INSTRUCTIONS FOR THE TASK:
Once the line containing "#68=IFCINDEXEDPOLYGONALFACE((1,2,4,3));" is found in the records below, return it and each following line exactly, up to and including the line containing "#81=IFCINDEXEDPOLYGONALFACE((1,3,7,5));", and nothing else.

Collected data entries:
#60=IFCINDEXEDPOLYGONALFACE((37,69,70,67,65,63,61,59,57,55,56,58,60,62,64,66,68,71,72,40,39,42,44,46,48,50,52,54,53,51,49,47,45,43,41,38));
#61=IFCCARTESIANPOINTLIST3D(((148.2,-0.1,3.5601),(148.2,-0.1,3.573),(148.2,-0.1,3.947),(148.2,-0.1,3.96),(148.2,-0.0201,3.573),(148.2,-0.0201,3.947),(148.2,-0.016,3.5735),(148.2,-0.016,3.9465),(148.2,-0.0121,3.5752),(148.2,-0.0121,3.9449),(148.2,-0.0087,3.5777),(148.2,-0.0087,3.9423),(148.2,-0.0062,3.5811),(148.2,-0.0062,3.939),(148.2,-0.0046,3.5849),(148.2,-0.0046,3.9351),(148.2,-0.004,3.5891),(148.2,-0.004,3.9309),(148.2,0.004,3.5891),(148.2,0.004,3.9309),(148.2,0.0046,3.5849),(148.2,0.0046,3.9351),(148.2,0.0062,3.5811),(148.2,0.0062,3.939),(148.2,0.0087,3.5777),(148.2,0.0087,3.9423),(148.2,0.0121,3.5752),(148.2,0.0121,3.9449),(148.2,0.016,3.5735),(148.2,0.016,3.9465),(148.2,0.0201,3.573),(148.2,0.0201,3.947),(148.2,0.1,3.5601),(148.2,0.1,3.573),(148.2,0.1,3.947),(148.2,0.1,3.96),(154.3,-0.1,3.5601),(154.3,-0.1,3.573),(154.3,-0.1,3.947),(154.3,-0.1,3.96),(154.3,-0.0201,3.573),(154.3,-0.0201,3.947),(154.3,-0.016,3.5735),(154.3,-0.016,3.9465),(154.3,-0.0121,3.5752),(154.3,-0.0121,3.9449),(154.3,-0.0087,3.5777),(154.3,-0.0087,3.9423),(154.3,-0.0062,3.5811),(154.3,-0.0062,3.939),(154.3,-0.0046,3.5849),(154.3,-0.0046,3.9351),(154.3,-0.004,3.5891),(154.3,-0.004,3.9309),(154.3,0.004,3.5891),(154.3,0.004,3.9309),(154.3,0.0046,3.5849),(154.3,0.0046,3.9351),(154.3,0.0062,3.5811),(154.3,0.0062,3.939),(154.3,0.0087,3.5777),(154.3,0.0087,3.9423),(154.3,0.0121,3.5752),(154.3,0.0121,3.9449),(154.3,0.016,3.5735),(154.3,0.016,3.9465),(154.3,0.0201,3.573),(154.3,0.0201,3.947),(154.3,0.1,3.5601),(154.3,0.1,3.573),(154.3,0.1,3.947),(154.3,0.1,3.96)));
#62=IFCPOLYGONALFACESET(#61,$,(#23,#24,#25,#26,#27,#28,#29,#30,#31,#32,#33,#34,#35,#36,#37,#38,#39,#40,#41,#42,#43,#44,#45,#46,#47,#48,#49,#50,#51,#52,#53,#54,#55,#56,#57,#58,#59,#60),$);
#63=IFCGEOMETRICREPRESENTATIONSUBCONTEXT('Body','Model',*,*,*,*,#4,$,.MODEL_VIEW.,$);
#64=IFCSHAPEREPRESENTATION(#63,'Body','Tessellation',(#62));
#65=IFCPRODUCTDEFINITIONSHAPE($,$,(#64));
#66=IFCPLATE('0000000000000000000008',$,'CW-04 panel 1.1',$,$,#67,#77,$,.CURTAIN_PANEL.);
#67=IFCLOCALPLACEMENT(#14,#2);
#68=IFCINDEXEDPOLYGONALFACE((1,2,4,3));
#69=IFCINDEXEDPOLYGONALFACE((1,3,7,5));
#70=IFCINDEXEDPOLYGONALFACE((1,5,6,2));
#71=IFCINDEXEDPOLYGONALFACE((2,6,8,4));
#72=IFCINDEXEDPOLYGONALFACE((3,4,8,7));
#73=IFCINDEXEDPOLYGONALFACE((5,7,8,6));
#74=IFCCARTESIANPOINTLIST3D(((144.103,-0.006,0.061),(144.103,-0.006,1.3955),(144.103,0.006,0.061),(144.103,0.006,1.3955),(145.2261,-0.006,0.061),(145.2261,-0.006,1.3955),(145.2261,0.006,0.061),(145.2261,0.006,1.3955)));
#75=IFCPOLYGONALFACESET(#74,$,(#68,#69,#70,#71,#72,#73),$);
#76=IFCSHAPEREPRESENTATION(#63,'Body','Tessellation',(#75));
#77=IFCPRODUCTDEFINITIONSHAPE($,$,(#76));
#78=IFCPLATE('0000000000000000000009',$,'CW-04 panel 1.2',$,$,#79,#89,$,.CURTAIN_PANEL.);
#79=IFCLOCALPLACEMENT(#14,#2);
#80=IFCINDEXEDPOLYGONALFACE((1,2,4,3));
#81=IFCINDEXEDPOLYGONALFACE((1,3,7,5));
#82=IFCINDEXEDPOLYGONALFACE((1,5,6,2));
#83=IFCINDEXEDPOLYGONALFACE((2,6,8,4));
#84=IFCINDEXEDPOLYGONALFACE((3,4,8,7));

EXERCISE OUTPUT:
#68=IFCINDEXEDPOLYGONALFACE((1,2,4,3));
#69=IFCINDEXEDPOLYGONALFACE((1,3,7,5));
#70=IFCINDEXEDPOLYGONALFACE((1,5,6,2));
#71=IFCINDEXEDPOLYGONALFACE((2,6,8,4));
#72=IFCINDEXEDPOLYGONALFACE((3,4,8,7));
#73=IFCINDEXEDPOLYGONALFACE((5,7,8,6));
#74=IFCCARTESIANPOINTLIST3D(((144.103,-0.006,0.061),(144.103,-0.006,1.3955),(144.103,0.006,0.061),(144.103,0.006,1.3955),(145.2261,-0.006,0.061),(145.2261,-0.006,1.3955),(145.2261,0.006,0.061),(145.2261,0.006,1.3955)));
#75=IFCPOLYGONALFACESET(#74,$,(#68,#69,#70,#71,#72,#73),$);
#76=IFCSHAPEREPRESENTATION(#63,'Body','Tessellation',(#75));
#77=IFCPRODUCTDEFINITIONSHAPE($,$,(#76));
#78=IFCPLATE('0000000000000000000009',$,'CW-04 panel 1.2',$,$,#79,#89,$,.CURTAIN_PANEL.);
#79=IFCLOCALPLACEMENT(#14,#2);
#80=IFCINDEXEDPOLYGONALFACE((1,2,4,3));
#81=IFCINDEXEDPOLYGONALFACE((1,3,7,5));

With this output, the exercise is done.